• **WORK INSTRUCTION**
Copy word for word the lines from the start of the records through the line that contains "#175=IFCPRODUCTDEFINITIONSHAPE($,$,(#174));", both included.

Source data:
______________________________

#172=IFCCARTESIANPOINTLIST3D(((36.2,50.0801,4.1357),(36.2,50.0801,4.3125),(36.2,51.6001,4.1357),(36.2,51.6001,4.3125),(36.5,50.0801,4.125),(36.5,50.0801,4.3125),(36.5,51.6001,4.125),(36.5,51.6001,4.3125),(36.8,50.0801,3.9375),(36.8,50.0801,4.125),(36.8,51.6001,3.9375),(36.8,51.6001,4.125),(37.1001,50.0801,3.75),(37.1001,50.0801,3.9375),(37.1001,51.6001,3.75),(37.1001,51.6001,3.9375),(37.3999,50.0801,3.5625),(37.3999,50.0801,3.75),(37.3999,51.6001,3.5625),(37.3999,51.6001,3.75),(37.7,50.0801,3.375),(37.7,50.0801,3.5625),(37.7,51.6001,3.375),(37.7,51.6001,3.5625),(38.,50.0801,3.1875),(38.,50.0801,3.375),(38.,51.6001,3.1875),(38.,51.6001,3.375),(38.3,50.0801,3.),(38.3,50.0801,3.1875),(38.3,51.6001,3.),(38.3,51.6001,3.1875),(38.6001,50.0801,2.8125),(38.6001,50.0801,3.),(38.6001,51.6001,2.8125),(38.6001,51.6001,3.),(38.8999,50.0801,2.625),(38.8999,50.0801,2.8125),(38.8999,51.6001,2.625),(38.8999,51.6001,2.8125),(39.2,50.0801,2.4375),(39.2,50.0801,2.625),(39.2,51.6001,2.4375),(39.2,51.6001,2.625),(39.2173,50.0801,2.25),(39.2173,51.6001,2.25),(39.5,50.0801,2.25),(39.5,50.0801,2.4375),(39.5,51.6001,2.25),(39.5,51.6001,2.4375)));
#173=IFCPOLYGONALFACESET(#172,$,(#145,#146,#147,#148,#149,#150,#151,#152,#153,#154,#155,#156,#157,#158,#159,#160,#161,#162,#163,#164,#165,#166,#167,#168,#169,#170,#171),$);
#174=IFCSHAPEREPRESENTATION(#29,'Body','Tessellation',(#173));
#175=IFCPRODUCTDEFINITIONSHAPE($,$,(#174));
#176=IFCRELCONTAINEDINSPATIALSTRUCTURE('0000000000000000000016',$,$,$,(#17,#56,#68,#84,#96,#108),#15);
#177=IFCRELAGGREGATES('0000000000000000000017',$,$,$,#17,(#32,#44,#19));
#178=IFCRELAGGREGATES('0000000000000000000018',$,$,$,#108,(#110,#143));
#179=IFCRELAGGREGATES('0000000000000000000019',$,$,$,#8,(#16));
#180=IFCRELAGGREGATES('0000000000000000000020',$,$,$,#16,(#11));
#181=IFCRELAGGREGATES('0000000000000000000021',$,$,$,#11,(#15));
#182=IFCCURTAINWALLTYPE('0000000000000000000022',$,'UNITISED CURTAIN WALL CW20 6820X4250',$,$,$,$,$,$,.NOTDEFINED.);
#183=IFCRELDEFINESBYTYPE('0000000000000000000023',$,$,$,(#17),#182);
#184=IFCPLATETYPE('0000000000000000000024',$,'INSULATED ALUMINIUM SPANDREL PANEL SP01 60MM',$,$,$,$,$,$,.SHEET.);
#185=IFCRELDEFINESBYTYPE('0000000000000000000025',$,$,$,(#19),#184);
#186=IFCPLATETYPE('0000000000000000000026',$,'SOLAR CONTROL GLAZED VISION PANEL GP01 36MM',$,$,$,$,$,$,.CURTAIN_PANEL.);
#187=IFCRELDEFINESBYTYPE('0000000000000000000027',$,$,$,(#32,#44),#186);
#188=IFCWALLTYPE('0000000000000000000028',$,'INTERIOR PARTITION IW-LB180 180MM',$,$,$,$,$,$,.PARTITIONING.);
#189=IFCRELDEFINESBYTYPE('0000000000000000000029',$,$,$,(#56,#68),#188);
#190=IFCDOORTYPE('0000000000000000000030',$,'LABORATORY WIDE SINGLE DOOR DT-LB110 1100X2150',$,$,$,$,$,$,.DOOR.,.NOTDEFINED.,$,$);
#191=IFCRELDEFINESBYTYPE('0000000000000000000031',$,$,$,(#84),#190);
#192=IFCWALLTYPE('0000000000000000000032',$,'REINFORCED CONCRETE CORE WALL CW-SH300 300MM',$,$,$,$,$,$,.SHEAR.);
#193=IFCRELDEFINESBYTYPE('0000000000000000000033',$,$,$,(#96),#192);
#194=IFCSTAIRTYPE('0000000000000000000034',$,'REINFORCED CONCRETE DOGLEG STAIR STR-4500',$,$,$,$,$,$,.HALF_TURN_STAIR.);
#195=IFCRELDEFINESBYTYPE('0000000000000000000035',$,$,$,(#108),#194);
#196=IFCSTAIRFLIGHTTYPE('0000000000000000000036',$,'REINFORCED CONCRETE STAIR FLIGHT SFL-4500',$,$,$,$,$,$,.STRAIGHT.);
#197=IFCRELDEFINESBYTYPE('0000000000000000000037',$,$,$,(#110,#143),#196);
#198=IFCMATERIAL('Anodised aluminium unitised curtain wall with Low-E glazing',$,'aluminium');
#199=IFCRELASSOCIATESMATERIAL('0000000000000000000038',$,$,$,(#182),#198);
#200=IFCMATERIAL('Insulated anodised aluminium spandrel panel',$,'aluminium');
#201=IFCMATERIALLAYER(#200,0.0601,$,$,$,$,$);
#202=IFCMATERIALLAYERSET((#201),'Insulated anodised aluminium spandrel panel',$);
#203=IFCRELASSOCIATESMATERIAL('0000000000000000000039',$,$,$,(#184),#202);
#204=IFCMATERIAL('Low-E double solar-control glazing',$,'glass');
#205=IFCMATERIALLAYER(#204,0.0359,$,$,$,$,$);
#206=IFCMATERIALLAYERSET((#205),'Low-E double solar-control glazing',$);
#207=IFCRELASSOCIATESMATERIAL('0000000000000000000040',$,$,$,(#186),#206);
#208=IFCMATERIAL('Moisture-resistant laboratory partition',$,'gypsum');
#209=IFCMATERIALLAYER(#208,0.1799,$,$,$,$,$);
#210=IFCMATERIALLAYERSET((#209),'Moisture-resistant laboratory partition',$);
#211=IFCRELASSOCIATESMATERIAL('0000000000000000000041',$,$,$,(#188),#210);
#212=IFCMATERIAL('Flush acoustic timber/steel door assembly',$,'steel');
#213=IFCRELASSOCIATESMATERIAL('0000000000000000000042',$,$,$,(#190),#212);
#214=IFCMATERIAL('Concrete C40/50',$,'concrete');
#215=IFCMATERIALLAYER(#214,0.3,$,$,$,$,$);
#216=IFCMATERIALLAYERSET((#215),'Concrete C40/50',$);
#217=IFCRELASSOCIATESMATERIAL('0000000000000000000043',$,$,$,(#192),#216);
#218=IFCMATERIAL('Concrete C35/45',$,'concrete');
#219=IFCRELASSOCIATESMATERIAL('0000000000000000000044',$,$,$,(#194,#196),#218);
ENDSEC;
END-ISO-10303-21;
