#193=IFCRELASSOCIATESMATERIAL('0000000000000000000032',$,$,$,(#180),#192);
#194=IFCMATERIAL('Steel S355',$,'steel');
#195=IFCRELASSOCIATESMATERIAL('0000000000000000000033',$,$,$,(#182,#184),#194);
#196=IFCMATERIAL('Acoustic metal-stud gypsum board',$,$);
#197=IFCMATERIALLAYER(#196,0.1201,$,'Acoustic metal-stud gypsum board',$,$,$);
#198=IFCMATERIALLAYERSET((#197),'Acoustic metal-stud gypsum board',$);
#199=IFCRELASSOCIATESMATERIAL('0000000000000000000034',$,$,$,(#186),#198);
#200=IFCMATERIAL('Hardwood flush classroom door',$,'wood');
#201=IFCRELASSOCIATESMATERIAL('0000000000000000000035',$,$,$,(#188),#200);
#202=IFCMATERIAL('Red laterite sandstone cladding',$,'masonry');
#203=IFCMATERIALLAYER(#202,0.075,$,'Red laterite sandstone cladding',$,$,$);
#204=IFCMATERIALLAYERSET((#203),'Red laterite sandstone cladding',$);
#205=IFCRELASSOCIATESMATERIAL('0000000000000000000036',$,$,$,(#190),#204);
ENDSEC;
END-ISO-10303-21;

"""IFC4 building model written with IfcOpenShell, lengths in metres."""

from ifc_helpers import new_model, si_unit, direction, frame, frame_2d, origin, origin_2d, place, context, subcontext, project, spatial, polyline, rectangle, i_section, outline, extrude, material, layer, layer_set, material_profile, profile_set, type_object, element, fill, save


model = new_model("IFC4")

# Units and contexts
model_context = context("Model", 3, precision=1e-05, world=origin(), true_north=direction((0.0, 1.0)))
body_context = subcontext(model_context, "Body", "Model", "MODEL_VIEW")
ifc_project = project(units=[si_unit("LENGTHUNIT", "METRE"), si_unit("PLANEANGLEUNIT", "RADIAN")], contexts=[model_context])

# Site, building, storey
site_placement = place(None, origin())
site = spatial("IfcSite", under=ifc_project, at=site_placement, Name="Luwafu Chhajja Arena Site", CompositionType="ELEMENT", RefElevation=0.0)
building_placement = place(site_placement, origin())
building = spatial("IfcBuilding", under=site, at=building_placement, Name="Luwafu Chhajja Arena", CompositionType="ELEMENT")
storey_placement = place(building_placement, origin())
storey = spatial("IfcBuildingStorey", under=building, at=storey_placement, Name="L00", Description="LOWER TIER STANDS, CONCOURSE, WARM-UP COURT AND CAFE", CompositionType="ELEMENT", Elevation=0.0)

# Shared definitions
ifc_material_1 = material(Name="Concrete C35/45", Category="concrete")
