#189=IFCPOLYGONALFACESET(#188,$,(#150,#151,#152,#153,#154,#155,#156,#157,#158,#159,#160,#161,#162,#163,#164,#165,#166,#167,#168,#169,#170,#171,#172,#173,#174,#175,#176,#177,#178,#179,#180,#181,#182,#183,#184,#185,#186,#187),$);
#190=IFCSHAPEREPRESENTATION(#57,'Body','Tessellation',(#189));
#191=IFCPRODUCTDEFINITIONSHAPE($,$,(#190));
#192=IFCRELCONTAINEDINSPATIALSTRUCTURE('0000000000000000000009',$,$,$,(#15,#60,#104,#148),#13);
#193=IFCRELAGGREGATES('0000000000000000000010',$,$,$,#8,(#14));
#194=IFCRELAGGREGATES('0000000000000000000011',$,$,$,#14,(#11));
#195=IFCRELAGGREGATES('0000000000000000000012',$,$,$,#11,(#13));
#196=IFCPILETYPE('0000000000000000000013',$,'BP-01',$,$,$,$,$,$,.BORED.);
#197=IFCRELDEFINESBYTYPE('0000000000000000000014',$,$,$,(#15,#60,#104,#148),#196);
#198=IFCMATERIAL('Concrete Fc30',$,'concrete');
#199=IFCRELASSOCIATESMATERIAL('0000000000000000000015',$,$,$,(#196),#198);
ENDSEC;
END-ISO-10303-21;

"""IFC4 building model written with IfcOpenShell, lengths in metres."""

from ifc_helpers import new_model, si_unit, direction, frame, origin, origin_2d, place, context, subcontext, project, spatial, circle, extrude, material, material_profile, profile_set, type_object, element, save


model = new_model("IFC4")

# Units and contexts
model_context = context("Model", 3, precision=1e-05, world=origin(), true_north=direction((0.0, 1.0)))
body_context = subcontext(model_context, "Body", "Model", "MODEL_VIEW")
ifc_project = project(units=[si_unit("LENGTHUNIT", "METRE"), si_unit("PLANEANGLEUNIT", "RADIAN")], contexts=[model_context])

______________________________

• **ANSWER TO THE PROBLEM**
#172=IFCCARTESIANPOINTLIST3D(((36.2,50.0801,4.1357),(36.2,50.0801,4.3125),(36.2,51.6001,4.1357),(36.2,51.6001,4.3125),(36.5,50.0801,4.125),(36.5,50.0801,4.3125),(36.5,51.6001,4.125),(36.5,51.6001,4.3125),(36.8,50.0801,3.9375),(36.8,50.0801,4.125),(36.8,51.6001,3.9375),(36.8,51.6001,4.125),(37.1001,50.0801,3.75),(37.1001,50.0801,3.9375),(37.1001,51.6001,3.75),(37.1001,51.6001,3.9375),(37.3999,50.0801,3.5625),(37.3999,50.0801,3.75),(37.3999,51.6001,3.5625),(37.3999,51.6001,3.75),(37.7,50.0801,3.375),(37.7,50.0801,3.5625),(37.7,51.6001,3.375),(37.7,51.6001,3.5625),(38.,50.0801,3.1875),(38.,50.0801,3.375),(38.,51.6001,3.1875),(38.,51.6001,3.375),(38.3,50.0801,3.),(38.3,50.0801,3.1875),(38.3,51.6001,3.),(38.3,51.6001,3.1875),(38.6001,50.0801,2.8125),(38.6001,50.0801,3.),(38.6001,51.6001,2.8125),(38.6001,51.6001,3.),(38.8999,50.0801,2.625),(38.8999,50.0801,2.8125),(38.8999,51.6001,2.625),(38.8999,51.6001,2.8125),(39.2,50.0801,2.4375),(39.2,50.0801,2.625),(39.2,51.6001,2.4375),(39.2,51.6001,2.625),(39.2173,50.0801,2.25),(39.2173,51.6001,2.25),(39.5,50.0801,2.25),(39.5,50.0801,2.4375),(39.5,51.6001,2.25),(39.5,51.6001,2.4375)));
#173=IFCPOLYGONALFACESET(#172,$,(#145,#146,#147,#148,#149,#150,#151,#152,#153,#154,#155,#156,#157,#158,#159,#160,#161,#162,#163,#164,#165,#166,#167,#168,#169,#170,#171),$);
#174=IFCSHAPEREPRESENTATION(#29,'Body','Tessellation',(#173));
#175=IFCPRODUCTDEFINITIONSHAPE($,$,(#174));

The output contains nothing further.